*** Opening of RECORDS PROVIDED ***

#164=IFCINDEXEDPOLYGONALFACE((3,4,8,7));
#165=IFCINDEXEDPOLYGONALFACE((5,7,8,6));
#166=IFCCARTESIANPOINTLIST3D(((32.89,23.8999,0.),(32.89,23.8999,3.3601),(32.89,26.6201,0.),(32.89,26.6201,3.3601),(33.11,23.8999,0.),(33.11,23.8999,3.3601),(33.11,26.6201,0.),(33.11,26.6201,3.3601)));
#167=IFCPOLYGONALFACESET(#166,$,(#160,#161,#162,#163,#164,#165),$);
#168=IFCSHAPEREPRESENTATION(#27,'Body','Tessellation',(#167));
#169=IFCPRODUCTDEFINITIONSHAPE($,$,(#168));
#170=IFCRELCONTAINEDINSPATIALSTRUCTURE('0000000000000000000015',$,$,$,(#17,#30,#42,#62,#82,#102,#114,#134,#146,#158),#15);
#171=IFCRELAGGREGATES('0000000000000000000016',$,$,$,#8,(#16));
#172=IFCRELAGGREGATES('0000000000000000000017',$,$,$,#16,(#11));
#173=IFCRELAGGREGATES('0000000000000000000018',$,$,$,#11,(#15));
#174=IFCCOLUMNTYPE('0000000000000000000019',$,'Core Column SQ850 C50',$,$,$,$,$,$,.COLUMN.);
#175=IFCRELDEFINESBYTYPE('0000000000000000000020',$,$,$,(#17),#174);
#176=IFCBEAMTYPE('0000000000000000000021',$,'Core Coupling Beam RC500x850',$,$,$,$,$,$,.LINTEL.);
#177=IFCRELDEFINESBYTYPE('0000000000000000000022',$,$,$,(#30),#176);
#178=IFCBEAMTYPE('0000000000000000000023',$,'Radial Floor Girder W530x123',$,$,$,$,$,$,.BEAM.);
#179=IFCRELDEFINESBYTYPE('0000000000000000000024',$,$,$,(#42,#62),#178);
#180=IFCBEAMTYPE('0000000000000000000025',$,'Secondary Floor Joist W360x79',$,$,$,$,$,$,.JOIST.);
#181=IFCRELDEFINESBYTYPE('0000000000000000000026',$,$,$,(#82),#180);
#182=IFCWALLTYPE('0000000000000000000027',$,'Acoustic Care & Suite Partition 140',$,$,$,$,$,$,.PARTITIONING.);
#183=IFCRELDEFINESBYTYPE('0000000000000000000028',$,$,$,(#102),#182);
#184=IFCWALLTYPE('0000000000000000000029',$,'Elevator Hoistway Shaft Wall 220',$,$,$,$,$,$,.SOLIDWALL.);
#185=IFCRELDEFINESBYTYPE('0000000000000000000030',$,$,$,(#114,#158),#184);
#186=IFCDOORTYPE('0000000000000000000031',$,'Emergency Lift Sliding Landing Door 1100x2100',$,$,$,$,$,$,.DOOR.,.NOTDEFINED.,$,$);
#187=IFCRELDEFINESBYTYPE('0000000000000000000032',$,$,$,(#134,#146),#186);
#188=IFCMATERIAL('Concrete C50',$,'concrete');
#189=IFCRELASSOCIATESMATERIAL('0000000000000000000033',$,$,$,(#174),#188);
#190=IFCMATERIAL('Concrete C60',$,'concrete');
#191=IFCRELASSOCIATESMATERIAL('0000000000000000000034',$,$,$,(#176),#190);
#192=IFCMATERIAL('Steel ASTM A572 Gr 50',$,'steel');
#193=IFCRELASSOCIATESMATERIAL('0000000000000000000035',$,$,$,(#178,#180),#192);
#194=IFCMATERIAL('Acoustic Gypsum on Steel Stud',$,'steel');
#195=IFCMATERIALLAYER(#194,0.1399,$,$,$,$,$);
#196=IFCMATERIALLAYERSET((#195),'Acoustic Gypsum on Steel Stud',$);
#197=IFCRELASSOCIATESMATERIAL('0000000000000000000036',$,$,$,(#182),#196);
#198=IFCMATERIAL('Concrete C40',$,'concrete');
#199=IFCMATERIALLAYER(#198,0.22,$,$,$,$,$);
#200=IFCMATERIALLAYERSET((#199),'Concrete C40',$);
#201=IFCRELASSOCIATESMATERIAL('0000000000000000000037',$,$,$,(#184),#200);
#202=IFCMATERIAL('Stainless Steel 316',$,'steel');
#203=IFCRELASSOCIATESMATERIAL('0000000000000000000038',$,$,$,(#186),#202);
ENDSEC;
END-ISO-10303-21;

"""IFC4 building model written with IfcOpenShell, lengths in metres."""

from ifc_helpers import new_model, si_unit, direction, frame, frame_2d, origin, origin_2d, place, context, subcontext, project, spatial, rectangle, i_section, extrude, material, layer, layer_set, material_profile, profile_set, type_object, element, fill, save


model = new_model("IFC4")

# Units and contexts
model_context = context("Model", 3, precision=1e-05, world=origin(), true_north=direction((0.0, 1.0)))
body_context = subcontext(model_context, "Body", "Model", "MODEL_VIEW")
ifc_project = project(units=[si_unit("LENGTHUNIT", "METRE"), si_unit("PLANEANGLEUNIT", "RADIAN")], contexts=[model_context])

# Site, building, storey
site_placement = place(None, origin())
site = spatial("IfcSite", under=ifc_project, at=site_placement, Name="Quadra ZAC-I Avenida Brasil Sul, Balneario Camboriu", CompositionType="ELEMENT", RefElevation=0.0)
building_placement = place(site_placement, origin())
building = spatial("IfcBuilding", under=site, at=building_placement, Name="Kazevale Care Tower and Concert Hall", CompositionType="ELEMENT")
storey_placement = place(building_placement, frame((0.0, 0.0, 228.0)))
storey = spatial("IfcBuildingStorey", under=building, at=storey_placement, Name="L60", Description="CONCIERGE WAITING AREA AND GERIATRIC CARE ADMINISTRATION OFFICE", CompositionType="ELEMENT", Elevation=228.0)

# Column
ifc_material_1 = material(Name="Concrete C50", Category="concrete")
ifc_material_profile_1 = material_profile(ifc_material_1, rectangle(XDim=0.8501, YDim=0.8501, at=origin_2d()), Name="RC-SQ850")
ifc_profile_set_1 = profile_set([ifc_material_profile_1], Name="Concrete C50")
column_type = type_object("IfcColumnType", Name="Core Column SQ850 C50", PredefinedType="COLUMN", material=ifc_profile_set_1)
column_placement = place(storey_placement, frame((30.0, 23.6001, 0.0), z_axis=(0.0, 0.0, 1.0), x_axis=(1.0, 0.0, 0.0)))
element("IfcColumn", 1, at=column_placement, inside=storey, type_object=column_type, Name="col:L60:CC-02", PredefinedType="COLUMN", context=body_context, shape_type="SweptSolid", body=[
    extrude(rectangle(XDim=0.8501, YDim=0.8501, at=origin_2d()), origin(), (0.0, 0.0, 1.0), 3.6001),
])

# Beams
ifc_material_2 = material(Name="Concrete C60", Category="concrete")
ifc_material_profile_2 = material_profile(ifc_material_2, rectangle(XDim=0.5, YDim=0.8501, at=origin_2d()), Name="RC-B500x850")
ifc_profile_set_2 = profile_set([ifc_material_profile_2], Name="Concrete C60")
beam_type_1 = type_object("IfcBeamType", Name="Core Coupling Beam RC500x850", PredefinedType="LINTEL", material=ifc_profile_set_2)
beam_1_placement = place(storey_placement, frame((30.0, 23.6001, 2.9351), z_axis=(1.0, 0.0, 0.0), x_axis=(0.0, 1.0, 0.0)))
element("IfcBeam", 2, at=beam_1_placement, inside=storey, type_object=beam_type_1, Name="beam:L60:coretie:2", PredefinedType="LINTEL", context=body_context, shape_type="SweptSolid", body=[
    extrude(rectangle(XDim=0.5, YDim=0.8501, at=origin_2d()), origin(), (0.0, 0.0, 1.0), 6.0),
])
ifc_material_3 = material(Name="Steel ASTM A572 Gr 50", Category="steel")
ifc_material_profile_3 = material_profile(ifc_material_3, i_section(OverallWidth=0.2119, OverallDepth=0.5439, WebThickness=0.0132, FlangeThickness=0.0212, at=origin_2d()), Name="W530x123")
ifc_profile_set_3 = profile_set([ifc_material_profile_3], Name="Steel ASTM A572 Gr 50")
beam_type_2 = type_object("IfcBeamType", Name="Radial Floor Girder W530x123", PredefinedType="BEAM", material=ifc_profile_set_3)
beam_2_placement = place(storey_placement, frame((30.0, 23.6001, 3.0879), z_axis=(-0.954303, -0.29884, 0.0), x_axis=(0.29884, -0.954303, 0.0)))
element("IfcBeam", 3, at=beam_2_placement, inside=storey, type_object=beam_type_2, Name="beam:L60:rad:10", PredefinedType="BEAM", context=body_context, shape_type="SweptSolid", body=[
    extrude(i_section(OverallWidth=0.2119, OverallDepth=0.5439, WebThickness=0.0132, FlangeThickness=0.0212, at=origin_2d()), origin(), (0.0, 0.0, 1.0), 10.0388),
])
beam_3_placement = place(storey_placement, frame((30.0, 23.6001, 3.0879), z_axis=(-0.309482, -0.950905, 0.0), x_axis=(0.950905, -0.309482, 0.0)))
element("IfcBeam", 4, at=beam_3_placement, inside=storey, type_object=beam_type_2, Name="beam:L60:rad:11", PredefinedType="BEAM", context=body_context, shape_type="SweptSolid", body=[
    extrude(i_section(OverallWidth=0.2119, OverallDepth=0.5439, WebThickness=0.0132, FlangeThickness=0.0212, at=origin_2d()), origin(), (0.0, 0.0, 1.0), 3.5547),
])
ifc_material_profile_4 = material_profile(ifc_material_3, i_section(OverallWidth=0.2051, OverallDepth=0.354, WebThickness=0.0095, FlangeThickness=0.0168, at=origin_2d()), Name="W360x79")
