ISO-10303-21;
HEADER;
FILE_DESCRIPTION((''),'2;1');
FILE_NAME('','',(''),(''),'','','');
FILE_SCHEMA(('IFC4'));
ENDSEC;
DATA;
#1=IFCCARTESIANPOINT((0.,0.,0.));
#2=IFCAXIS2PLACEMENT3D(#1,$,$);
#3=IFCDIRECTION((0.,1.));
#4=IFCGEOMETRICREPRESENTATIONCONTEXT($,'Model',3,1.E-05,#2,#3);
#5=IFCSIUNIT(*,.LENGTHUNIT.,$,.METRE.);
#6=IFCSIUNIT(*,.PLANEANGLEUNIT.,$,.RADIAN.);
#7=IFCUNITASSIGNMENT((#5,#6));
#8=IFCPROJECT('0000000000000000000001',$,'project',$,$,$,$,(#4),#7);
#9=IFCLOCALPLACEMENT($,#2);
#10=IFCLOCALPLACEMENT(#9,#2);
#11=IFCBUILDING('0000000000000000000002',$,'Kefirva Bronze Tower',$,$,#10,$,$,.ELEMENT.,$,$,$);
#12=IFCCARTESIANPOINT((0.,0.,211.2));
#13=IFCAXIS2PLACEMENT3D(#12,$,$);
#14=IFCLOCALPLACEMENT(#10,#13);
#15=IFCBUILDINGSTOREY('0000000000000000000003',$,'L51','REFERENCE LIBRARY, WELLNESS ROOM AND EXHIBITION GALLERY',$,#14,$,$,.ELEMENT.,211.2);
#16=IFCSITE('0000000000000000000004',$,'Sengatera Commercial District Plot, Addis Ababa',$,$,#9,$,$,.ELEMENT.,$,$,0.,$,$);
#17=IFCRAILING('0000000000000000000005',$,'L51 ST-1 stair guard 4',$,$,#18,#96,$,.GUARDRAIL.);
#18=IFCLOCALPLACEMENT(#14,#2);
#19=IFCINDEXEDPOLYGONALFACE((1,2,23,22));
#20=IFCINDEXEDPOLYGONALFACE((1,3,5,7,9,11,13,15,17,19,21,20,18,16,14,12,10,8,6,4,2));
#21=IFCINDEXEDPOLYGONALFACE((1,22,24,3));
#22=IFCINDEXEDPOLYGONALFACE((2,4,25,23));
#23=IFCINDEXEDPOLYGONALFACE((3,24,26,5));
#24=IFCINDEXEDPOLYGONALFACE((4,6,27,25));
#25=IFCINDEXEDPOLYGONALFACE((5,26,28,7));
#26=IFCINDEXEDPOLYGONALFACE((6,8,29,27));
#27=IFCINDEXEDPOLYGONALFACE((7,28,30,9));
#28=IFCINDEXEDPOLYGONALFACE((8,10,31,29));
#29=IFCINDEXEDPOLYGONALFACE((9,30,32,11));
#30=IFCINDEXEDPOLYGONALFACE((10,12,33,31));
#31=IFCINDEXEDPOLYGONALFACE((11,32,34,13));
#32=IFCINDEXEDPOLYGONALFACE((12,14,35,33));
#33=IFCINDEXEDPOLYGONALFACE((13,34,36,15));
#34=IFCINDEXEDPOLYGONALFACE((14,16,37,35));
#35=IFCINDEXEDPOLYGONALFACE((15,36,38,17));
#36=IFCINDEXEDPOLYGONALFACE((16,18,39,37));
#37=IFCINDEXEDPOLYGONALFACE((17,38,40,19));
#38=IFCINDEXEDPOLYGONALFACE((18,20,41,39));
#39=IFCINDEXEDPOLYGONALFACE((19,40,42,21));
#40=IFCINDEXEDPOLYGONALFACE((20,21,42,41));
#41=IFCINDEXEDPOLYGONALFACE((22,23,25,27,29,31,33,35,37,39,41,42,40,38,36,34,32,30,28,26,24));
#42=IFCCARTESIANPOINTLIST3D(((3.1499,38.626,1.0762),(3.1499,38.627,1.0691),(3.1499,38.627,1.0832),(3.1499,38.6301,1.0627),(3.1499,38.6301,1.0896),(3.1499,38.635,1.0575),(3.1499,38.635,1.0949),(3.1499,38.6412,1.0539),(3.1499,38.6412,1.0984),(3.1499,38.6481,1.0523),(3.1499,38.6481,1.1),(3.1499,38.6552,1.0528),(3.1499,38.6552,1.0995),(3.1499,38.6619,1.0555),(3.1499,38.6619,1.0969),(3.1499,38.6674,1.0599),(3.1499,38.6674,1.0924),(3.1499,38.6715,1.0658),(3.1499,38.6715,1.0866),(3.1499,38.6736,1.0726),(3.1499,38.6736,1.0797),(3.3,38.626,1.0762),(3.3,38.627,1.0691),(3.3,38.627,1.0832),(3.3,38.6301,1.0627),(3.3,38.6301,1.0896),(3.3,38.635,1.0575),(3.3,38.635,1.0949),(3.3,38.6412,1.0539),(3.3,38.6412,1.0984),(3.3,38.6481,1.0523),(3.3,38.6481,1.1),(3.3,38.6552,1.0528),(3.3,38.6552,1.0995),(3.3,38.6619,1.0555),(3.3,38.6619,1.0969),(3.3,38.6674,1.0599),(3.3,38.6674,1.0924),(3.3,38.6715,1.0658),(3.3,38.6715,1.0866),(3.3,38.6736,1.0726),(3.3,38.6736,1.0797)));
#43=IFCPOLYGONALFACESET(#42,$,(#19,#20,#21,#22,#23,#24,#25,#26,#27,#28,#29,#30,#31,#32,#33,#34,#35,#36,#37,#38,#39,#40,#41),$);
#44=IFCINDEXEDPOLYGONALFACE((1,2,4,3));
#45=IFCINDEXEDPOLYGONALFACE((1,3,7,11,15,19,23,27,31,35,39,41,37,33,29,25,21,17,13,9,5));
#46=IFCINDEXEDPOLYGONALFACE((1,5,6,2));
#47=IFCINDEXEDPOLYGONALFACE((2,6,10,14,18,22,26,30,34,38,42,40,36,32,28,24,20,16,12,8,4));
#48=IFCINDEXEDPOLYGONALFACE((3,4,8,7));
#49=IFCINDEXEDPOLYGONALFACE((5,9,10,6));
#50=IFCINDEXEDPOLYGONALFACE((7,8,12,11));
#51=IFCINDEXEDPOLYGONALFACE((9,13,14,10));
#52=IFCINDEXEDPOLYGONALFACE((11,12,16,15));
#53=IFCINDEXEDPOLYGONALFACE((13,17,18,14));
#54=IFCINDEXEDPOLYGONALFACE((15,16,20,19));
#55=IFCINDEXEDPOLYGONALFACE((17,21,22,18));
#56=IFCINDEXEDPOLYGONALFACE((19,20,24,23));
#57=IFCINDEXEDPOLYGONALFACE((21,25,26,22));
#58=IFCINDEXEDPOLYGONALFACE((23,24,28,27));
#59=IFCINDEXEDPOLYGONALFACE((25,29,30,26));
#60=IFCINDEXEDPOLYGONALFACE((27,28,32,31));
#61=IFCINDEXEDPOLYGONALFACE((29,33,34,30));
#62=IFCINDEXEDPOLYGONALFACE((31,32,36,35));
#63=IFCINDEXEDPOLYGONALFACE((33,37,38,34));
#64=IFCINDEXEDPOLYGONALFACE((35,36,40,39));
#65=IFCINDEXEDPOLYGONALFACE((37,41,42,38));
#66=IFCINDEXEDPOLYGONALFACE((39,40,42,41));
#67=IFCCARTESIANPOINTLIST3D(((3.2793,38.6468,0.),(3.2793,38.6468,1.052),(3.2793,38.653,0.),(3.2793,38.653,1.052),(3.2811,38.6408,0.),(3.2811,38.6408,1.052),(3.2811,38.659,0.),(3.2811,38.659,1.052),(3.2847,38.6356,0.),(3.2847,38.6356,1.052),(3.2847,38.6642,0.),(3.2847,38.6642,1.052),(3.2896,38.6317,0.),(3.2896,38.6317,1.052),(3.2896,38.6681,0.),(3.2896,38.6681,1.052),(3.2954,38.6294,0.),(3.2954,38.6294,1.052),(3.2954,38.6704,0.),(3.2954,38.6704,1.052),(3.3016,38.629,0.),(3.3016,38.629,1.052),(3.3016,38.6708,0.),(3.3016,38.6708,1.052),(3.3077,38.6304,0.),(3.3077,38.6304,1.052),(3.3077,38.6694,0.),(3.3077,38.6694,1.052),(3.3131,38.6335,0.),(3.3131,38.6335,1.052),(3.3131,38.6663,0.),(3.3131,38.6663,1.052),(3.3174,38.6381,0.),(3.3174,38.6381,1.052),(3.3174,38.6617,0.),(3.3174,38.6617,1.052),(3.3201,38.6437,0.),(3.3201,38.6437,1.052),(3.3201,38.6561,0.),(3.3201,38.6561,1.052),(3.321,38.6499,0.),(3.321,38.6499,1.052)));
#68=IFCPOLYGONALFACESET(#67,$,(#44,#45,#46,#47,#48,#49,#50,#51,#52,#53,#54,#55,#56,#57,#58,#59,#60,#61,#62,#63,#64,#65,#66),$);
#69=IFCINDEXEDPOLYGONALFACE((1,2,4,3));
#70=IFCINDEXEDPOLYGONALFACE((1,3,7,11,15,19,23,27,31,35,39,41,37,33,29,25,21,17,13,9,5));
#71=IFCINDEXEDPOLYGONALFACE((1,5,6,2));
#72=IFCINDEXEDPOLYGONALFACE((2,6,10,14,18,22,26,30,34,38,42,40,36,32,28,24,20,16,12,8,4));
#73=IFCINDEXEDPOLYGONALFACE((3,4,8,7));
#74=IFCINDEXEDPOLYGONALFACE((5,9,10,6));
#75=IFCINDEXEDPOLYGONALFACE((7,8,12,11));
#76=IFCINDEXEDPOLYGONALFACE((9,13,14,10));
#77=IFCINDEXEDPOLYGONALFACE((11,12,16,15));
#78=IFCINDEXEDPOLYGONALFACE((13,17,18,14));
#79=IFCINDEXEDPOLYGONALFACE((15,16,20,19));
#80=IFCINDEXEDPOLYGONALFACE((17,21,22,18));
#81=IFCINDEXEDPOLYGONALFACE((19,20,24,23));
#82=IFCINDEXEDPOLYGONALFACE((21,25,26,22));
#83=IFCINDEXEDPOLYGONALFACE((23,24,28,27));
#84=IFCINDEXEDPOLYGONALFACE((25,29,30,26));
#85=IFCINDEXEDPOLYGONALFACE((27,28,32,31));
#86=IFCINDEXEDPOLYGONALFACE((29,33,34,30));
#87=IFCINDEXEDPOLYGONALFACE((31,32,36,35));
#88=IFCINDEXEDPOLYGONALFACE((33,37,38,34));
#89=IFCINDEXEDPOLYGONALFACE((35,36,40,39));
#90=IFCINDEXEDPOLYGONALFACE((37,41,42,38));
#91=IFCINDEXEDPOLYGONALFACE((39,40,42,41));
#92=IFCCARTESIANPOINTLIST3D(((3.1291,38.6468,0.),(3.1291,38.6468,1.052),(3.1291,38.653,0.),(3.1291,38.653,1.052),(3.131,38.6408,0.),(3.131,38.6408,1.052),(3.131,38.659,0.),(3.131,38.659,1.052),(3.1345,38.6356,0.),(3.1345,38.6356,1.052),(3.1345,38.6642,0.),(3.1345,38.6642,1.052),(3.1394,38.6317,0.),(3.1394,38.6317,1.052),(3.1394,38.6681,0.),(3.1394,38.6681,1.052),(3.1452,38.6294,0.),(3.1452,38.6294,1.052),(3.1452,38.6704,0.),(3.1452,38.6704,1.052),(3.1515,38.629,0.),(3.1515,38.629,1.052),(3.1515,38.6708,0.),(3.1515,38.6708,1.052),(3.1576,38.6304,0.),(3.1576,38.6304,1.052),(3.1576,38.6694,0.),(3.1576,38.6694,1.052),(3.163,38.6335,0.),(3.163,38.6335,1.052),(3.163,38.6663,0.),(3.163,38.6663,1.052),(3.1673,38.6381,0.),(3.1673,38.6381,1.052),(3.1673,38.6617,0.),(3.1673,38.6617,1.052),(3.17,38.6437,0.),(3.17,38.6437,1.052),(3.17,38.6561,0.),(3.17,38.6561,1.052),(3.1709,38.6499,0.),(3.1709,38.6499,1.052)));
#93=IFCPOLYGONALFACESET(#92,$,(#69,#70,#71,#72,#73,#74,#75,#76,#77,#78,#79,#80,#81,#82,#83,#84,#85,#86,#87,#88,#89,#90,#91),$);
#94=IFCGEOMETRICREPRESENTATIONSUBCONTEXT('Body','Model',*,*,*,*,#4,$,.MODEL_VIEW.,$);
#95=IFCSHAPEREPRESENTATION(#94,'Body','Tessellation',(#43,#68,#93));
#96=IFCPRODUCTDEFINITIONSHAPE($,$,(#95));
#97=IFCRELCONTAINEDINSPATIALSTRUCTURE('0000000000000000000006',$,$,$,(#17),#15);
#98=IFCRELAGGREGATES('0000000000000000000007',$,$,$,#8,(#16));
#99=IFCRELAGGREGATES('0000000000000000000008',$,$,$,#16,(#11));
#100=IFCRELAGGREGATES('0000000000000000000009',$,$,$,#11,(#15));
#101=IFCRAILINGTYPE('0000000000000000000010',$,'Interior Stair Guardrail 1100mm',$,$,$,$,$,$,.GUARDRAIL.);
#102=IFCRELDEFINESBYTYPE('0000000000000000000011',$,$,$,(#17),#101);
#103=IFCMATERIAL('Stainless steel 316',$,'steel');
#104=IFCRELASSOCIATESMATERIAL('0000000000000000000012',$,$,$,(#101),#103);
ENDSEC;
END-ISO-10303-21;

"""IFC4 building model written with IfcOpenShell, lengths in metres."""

from ifc_helpers import new_model, si_unit, direction, frame, origin, origin_2d, place, context, subcontext, project, spatial, circle, extrude, material, type_object, element, save


model = new_model("IFC4")

# Units and contexts
model_context = context("Model", 3, precision=1e-05, world=origin(), true_north=direction((0.0, 1.0)))
body_context = subcontext(model_context, "Body", "Model", "MODEL_VIEW")
ifc_project = project(units=[si_unit("LENGTHUNIT", "METRE"), si_unit("PLANEANGLEUNIT", "RADIAN")], contexts=[model_context])

# Site, building, storey
site_placement = place(None, origin())
site = spatial("IfcSite", under=ifc_project, at=site_placement, Name="Sengatera Commercial District Plot, Addis Ababa", CompositionType="ELEMENT", RefElevation=0.0)
building_placement = place(site_placement, origin())
building = spatial("IfcBuilding", under=site, at=building_placement, Name="Kefirva Bronze Tower", CompositionType="ELEMENT")
storey_placement = place(building_placement, frame((0.0, 0.0, 211.2)))
storey = spatial("IfcBuildingStorey", under=building, at=storey_placement, Name="L51", Description="REFERENCE LIBRARY, WELLNESS ROOM AND EXHIBITION GALLERY", CompositionType="ELEMENT", Elevation=211.2)

# Railing
ifc_material_1 = material(Name="Stainless steel 316", Category="steel")
railing_type_1 = type_object("IfcRailingType", Name="Interior Stair Guardrail 1100mm", PredefinedType="GUARDRAIL", material=ifc_material_1)
railing_1_placement = place(storey_placement, frame((3.3, 38.6499, 0.0)))
element("IfcRailing", 1, at=railing_1_placement, inside=storey, type_object=railing_type_1, Name="L51 ST-1 stair guard 4", PredefinedType="GUARDRAIL", context=body_context, shape_type="SweptSolid", body=[
    extrude(circle(Radius=0.0239, at=origin_2d()), frame((0.0, 0.0, 1.0762), z_axis=(-1.0, 0.0, 0.0), x_axis=(0.0, -1.0, 0.0)), (0.0, 0.0, 1.0), 0.1501),
    extrude(circle(Radius=0.021, at=origin_2d()), origin(), (0.0, 0.0, 1.0), 1.052),
    extrude(circle(Radius=0.021, at=origin_2d()), frame((-0.1501, 0.0, 0.0)), (0.0, 0.0, 1.0), 1.052),
])

save(model, "model.ifc")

*** Close of RECORDS PROVIDED ***

## TRY IT
From the records above, copy each line where the word "Concrete" can be found.

## SOLUTION FOR THIS PROBLEM
#188=IFCMATERIAL('Concrete C50',$,'concrete');
#190=IFCMATERIAL('Concrete C60',$,'concrete');
#198=IFCMATERIAL('Concrete C40',$,'concrete');
#200=IFCMATERIALLAYERSET((#199),'Concrete C40',$);
ifc_material_1 = material(Name="Concrete C50", Category="concrete")
ifc_profile_set_1 = profile_set([ifc_material_profile_1], Name="Concrete C50")
ifc_material_2 = material(Name="Concrete C60", Category="concrete")
ifc_profile_set_2 = profile_set([ifc_material_profile_2], Name="Concrete C60")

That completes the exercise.